Start of Data records

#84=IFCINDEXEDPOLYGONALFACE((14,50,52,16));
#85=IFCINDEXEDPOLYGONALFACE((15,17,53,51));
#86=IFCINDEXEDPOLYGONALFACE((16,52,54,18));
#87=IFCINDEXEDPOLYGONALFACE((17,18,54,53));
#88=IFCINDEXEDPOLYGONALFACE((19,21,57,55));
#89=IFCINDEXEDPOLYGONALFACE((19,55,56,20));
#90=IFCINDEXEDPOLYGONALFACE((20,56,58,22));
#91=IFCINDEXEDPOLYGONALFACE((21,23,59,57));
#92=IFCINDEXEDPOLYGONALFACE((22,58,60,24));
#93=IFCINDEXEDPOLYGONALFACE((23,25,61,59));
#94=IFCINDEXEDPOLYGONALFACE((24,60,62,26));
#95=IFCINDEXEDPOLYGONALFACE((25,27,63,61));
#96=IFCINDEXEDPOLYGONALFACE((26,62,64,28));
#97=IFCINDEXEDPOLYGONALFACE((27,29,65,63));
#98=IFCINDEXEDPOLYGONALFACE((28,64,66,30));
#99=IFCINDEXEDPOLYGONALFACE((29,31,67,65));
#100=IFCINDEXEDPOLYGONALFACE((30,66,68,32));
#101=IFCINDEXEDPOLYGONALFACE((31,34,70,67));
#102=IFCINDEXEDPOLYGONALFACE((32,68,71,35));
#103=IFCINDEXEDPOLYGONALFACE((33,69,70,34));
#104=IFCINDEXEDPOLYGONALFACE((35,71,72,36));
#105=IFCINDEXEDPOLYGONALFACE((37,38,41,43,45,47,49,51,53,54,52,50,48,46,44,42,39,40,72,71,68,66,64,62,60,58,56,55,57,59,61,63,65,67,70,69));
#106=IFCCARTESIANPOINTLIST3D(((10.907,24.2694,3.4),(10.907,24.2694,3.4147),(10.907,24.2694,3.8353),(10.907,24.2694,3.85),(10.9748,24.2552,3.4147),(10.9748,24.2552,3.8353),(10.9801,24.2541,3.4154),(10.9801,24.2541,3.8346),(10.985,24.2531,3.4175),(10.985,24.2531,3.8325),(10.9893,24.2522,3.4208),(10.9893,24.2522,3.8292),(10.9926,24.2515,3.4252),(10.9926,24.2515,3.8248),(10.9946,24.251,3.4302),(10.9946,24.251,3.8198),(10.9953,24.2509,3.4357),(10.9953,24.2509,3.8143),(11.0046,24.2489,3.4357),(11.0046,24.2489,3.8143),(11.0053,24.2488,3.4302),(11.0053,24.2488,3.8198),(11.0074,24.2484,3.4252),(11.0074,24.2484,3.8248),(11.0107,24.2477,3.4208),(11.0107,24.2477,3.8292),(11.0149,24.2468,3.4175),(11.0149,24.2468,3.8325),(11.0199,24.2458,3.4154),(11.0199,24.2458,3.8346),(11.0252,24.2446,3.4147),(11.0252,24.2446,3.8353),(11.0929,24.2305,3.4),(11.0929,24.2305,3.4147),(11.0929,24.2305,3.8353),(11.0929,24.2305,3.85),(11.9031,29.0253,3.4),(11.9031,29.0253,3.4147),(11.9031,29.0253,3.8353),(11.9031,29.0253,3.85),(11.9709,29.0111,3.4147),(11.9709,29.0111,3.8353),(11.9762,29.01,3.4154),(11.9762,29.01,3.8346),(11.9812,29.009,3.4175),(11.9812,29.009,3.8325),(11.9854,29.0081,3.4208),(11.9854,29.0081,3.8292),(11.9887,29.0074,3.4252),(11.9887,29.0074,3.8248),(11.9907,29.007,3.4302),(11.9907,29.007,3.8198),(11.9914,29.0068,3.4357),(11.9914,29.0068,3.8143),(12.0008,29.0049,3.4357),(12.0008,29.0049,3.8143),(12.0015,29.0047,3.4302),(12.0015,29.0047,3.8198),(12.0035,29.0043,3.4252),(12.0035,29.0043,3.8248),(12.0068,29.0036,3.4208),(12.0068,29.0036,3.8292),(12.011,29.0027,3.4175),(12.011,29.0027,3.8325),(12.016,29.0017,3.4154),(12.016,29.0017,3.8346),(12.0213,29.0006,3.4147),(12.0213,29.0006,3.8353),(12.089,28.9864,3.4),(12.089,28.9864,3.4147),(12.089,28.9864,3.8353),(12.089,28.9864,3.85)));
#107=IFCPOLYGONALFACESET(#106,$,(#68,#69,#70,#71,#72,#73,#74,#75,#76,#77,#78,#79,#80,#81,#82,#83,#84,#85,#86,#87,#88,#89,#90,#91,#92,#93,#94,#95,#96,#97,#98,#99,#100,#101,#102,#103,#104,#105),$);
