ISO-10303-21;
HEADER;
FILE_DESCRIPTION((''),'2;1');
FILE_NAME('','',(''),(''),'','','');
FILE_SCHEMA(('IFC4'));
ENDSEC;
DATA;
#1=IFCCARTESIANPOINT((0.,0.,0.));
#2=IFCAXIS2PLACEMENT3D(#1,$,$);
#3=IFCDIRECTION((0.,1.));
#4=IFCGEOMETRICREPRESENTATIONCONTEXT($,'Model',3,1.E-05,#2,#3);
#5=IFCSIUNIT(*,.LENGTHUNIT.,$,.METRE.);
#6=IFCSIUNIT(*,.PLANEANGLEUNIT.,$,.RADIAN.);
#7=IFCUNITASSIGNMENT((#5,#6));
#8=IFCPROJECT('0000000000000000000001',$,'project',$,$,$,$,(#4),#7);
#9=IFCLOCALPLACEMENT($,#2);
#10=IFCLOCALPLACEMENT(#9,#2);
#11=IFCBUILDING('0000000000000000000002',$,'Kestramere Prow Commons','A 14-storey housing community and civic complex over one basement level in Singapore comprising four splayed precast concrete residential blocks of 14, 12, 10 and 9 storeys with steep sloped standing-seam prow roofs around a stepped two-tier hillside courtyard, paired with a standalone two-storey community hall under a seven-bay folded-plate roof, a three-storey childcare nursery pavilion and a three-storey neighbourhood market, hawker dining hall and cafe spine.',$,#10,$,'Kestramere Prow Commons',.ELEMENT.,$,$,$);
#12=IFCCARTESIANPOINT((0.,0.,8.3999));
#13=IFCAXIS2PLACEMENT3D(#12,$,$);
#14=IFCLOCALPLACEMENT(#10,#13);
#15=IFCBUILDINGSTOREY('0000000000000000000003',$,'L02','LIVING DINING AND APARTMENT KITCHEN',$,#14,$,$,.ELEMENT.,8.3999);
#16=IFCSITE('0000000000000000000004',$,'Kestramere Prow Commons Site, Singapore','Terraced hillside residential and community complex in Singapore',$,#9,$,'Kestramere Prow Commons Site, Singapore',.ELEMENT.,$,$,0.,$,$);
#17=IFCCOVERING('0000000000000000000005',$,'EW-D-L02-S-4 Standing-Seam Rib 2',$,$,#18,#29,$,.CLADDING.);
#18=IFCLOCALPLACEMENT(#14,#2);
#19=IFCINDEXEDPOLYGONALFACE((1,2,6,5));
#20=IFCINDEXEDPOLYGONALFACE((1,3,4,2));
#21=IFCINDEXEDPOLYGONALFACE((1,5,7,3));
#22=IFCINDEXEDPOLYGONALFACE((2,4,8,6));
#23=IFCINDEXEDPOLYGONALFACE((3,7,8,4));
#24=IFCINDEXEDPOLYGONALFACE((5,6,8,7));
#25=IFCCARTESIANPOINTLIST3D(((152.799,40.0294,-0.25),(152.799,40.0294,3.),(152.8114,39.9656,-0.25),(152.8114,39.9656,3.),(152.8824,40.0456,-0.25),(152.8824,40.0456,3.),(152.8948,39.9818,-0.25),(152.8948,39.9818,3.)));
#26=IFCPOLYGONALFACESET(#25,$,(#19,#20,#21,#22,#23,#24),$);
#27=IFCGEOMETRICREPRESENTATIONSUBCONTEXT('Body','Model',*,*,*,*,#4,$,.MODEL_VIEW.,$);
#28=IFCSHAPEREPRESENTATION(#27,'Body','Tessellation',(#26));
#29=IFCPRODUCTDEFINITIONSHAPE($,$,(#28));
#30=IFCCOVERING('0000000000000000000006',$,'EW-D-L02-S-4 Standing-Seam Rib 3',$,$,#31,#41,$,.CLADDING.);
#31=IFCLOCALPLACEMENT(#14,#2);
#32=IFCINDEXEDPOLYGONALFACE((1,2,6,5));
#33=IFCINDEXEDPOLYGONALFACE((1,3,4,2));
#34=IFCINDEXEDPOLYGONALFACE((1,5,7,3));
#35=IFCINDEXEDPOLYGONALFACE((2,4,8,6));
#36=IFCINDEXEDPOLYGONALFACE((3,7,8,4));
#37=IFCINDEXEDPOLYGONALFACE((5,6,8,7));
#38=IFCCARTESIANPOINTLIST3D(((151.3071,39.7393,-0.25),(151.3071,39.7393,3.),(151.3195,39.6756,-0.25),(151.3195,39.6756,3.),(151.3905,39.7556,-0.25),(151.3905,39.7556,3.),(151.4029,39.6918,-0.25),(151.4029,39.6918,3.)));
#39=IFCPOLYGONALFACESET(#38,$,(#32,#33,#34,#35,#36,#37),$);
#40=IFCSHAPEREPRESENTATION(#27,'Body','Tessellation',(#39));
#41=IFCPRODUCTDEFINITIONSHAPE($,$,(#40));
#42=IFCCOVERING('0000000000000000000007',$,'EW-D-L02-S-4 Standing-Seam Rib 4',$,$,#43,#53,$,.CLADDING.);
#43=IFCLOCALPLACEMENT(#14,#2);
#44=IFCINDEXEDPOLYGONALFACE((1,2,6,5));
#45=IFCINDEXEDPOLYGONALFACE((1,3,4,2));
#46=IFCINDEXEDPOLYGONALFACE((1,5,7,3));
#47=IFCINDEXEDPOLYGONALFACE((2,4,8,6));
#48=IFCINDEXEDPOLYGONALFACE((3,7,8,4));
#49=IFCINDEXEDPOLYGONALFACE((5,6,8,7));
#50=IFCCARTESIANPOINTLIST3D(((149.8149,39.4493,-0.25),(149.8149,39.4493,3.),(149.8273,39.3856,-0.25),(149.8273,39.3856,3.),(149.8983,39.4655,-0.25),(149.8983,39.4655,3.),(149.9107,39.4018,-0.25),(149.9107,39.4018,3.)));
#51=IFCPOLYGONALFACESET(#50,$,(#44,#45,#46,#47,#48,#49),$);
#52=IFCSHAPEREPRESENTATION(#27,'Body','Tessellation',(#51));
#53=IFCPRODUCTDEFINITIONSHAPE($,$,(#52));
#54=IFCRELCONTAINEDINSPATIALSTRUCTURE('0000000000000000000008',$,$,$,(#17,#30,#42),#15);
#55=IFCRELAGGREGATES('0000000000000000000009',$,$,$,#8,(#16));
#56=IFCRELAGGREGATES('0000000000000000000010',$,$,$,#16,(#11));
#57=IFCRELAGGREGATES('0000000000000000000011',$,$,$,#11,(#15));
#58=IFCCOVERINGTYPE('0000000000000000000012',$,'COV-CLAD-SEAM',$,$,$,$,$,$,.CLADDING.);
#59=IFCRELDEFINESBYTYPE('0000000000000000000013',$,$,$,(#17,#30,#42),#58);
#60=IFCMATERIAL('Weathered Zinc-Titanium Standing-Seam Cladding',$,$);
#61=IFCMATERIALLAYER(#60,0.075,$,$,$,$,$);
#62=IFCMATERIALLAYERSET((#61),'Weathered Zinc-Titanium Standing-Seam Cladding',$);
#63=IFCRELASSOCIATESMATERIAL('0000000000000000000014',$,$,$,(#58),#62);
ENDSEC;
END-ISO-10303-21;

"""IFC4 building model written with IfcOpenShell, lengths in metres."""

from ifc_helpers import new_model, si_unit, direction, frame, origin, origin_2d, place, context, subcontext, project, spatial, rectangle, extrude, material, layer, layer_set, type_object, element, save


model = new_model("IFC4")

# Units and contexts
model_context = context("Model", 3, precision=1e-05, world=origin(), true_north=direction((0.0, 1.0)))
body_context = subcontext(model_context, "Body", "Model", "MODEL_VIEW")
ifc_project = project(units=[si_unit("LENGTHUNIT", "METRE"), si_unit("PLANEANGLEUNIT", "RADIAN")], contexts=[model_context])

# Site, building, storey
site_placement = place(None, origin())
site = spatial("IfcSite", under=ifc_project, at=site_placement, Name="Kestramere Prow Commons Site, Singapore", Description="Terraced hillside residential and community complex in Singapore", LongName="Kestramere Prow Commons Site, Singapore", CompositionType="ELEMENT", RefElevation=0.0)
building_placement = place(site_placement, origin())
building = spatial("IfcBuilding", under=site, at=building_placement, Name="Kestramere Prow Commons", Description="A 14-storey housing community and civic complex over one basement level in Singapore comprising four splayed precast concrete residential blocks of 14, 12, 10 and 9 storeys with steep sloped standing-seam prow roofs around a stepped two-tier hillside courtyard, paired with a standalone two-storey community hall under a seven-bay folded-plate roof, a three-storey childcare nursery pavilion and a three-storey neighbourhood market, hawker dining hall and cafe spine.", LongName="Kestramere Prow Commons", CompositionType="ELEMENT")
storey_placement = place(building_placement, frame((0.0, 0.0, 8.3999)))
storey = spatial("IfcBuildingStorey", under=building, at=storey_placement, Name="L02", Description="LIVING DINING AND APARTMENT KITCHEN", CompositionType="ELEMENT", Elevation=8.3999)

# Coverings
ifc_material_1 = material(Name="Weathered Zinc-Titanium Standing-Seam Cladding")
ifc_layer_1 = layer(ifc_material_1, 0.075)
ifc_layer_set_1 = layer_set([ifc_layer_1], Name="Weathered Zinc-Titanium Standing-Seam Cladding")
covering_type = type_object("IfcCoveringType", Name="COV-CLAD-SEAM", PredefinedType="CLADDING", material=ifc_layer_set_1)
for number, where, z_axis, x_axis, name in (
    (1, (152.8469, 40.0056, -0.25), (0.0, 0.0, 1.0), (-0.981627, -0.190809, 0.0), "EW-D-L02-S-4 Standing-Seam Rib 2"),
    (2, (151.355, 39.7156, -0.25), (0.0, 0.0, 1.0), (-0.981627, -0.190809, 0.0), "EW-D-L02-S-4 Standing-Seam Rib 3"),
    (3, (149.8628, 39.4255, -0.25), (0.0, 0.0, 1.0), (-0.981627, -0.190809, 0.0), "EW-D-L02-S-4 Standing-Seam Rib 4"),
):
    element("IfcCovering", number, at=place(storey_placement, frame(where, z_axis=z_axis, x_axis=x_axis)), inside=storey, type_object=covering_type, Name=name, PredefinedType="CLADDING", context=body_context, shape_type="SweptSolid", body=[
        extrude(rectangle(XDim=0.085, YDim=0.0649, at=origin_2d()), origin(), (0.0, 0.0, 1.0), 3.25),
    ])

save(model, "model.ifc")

End of Data records
Start of Data records

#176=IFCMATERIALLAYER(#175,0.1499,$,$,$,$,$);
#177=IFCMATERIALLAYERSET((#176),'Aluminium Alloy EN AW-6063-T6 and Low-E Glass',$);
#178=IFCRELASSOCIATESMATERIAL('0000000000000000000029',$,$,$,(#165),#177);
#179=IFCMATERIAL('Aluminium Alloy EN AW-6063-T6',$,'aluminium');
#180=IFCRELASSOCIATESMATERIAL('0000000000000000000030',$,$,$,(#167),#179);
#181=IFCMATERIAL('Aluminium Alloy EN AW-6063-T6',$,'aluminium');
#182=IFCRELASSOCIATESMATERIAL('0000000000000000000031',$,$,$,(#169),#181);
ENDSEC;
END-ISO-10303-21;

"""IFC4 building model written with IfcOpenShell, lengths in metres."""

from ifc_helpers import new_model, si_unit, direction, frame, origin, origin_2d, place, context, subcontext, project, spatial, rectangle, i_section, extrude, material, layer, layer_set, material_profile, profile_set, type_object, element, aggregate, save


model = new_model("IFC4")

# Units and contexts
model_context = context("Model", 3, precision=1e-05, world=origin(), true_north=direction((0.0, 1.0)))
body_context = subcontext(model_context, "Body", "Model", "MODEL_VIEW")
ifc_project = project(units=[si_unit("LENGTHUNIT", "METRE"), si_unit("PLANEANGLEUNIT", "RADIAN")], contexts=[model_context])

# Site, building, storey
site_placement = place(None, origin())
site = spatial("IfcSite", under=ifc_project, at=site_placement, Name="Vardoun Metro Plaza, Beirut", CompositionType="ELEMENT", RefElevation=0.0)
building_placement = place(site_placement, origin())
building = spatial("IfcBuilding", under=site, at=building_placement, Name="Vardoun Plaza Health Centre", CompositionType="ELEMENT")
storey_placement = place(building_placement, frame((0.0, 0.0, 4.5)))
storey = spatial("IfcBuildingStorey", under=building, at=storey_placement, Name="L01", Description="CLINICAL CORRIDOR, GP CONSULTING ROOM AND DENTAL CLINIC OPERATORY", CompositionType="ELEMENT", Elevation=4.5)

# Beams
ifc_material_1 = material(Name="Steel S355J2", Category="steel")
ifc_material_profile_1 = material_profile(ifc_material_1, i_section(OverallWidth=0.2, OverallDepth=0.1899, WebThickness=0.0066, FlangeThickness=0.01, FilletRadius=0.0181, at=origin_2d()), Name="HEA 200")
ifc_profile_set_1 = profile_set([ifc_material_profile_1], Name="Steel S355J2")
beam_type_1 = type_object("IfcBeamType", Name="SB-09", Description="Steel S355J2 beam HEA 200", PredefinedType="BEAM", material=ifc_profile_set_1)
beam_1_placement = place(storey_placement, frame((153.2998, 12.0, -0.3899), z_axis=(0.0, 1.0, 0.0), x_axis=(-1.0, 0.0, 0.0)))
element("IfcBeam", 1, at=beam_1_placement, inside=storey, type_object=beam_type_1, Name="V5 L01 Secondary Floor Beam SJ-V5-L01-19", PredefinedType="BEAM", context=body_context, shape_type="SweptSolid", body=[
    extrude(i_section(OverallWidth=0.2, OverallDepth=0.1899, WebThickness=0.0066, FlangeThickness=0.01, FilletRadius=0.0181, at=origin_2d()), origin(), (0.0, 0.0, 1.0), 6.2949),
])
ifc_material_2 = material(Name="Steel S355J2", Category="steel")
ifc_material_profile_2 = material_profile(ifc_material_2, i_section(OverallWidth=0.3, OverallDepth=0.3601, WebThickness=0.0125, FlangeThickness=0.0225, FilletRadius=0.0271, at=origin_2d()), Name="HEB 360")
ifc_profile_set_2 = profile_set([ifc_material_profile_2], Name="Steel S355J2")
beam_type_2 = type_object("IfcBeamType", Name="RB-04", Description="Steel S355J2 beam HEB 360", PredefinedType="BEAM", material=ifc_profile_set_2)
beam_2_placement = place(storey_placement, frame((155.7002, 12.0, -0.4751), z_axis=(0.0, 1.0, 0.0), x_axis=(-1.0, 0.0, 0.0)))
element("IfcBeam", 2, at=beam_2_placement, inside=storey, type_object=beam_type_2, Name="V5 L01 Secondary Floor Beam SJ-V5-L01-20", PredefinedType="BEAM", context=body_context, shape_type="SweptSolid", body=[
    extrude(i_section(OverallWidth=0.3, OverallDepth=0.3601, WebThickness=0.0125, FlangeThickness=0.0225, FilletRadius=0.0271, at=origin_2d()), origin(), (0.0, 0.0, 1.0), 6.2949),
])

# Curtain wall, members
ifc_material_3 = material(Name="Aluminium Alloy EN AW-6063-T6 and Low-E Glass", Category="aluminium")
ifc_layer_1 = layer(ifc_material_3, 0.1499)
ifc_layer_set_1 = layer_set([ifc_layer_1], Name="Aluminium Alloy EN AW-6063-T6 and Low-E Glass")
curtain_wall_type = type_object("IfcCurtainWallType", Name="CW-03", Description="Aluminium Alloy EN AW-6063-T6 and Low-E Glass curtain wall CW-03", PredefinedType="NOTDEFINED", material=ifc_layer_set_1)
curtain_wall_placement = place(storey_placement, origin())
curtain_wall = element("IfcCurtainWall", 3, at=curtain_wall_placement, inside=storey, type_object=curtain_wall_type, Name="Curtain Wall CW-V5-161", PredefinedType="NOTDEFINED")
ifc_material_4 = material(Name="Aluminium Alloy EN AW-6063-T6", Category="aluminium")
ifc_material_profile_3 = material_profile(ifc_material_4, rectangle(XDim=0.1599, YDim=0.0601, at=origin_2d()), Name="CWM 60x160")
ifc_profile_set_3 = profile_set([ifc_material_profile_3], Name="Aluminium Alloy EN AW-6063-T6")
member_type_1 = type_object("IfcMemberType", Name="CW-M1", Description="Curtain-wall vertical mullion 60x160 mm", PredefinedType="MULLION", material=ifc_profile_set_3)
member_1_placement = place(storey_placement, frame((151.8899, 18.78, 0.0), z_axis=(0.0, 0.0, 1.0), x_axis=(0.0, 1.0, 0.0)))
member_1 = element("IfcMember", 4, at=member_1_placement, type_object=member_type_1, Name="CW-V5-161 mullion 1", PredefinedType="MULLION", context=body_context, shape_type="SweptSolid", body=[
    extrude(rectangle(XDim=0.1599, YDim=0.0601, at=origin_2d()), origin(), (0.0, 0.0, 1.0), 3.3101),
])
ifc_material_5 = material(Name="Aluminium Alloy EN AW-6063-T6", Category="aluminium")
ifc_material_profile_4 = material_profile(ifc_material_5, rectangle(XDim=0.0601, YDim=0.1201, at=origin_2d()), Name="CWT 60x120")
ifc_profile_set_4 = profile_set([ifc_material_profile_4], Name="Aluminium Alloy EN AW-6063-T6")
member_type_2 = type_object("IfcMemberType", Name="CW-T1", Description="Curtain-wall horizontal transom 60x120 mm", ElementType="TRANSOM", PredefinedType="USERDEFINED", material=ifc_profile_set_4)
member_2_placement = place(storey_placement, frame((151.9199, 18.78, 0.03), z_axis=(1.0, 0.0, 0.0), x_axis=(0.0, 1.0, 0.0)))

End of Data records

* **What to do**
Look above for the line holding "#29=IFCPRODUCTDEFINITIONSHAPE($,$,(#28));", then set down exactly that line and every line after it up to and including the line holding "#33=IFCINDEXEDPOLYGONALFACE((1,3,4,2));", with nothing else.

* **Answer section**
#29=IFCPRODUCTDEFINITIONSHAPE($,$,(#28));
#30=IFCCOVERING('0000000000000000000006',$,'EW-D-L02-S-4 Standing-Seam Rib 3',$,$,#31,#41,$,.CLADDING.);
#31=IFCLOCALPLACEMENT(#14,#2);
#32=IFCINDEXEDPOLYGONALFACE((1,2,6,5));
#33=IFCINDEXEDPOLYGONALFACE((1,3,4,2));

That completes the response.